Print exactly the lines below between the line holding "#60=IFCINDEXEDPOLYGONALFACE((33,34,36,35));" and the line holding "#67=IFCINDEXEDPOLYGONALFACE((46,48,52,50));", inclusive, and nothing more.

============================================================

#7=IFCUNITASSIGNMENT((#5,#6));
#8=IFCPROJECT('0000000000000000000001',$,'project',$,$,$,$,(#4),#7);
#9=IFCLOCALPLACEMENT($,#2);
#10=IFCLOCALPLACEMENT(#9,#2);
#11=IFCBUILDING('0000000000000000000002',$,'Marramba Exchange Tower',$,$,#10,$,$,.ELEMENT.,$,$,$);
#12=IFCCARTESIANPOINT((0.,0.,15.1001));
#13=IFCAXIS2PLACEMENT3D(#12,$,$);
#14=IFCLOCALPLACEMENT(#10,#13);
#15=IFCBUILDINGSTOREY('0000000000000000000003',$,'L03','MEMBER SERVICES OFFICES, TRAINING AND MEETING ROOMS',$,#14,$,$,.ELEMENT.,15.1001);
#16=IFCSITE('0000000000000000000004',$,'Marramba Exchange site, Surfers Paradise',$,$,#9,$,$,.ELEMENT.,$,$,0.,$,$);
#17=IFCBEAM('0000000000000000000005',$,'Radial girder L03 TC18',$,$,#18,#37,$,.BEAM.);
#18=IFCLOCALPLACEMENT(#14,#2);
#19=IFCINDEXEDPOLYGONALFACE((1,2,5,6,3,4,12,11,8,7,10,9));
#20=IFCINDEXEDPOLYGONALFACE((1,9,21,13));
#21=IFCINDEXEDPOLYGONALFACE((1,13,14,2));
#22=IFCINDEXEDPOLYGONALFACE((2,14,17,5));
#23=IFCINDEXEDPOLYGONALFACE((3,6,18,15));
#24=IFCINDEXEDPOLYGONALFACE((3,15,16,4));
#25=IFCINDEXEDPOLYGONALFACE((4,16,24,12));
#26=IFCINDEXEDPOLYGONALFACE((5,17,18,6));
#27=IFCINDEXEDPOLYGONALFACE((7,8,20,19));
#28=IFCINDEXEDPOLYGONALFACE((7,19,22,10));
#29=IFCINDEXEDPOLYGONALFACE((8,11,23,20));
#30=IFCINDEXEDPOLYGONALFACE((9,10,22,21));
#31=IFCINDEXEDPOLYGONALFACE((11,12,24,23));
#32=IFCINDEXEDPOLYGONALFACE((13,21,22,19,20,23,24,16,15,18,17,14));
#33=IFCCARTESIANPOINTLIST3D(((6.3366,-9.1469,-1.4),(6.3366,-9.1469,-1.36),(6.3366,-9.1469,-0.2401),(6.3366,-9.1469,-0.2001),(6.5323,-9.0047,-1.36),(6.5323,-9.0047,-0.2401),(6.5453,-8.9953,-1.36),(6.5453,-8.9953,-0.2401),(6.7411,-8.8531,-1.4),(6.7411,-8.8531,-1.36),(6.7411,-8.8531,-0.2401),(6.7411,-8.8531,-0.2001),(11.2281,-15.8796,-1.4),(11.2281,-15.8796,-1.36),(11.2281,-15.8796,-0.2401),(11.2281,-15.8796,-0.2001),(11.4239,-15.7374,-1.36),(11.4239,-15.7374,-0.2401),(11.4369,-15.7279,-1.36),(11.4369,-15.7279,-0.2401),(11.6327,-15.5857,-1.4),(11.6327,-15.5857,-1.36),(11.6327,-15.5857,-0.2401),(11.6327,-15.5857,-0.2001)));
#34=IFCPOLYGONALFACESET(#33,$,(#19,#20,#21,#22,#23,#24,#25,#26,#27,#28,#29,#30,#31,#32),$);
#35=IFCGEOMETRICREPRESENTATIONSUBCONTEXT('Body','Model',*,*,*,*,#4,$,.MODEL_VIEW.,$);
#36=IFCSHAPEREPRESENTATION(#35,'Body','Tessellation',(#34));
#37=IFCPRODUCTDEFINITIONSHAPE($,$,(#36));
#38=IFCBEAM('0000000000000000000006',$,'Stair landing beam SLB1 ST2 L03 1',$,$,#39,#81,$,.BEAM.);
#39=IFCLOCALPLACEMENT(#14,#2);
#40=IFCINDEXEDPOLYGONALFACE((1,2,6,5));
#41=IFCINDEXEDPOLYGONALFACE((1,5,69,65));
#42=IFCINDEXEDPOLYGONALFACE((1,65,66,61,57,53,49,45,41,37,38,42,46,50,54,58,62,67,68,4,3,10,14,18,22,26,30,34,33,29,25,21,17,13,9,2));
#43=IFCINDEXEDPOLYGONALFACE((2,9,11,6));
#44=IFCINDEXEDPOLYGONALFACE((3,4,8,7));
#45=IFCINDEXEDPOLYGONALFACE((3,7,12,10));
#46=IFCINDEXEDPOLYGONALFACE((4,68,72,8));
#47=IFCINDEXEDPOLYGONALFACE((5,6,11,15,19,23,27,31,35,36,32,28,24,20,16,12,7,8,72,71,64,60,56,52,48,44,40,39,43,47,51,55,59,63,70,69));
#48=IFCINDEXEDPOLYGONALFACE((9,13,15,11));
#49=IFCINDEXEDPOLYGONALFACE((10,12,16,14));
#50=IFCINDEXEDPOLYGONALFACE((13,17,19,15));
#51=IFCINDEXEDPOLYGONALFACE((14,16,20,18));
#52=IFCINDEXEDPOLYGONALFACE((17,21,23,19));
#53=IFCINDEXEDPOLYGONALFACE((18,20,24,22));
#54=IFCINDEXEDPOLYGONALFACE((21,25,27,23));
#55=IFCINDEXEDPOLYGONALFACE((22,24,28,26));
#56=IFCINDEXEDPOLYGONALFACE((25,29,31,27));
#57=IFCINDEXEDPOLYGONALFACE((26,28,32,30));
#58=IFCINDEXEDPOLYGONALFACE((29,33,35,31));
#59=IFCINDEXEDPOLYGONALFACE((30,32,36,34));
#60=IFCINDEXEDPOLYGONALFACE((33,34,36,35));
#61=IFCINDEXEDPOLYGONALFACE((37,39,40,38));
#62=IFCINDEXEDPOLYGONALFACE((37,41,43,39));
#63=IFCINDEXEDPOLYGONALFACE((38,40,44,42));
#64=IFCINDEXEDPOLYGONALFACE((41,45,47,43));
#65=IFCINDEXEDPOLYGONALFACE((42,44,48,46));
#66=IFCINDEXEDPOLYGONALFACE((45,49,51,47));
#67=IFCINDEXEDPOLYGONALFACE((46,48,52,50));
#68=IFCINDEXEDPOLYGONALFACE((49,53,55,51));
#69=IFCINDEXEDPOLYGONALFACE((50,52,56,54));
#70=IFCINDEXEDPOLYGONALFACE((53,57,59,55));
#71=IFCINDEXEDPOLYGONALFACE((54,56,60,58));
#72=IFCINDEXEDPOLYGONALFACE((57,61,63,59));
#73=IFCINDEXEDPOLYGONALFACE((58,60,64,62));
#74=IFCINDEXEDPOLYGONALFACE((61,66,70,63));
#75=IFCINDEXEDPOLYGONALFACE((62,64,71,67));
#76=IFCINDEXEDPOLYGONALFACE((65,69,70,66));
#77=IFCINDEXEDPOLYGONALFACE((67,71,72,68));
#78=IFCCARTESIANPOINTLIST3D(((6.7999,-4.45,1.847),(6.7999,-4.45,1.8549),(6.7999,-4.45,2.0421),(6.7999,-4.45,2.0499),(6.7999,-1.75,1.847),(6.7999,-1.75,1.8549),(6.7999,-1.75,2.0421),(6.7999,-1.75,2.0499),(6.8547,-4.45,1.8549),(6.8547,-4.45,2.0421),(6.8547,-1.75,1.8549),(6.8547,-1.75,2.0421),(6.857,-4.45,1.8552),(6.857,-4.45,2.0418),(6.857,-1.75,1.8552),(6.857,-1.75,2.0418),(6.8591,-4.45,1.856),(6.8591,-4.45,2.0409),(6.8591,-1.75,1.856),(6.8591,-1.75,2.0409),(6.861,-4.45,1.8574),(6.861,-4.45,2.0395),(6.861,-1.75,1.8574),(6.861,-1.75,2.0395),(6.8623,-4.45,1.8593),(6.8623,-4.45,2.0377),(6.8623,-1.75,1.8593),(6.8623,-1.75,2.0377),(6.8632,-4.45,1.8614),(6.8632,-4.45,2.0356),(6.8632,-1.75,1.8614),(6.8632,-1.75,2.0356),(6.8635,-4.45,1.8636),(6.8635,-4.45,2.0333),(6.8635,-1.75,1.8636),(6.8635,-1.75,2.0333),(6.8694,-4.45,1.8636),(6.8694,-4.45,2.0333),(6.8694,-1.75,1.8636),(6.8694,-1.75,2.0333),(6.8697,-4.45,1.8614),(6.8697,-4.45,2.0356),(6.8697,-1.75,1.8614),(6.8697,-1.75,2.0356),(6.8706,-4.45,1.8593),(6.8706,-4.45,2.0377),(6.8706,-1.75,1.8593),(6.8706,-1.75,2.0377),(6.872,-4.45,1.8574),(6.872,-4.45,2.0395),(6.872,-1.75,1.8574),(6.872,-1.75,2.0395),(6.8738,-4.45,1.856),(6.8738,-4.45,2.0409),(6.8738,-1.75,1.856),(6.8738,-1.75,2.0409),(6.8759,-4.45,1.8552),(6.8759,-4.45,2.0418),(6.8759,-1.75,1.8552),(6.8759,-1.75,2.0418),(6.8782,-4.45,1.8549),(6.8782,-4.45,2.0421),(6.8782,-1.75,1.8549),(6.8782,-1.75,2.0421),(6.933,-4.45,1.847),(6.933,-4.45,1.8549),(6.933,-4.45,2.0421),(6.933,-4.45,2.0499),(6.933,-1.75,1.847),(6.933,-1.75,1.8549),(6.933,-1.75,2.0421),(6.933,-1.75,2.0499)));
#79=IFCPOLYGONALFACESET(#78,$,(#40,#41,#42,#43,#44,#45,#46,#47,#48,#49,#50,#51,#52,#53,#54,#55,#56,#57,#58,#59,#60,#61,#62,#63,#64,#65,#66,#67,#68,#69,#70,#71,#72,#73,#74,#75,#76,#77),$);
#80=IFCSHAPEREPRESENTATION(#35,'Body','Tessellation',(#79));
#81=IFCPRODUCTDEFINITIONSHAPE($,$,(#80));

============================================================

_TASK RESPONSE:_
#60=IFCINDEXEDPOLYGONALFACE((33,34,36,35));
#61=IFCINDEXEDPOLYGONALFACE((37,39,40,38));
#62=IFCINDEXEDPOLYGONALFACE((37,41,43,39));
#63=IFCINDEXEDPOLYGONALFACE((38,40,44,42));
#64=IFCINDEXEDPOLYGONALFACE((41,45,47,43));
#65=IFCINDEXEDPOLYGONALFACE((42,44,48,46));
#66=IFCINDEXEDPOLYGONALFACE((45,49,51,47));
#67=IFCINDEXEDPOLYGONALFACE((46,48,52,50));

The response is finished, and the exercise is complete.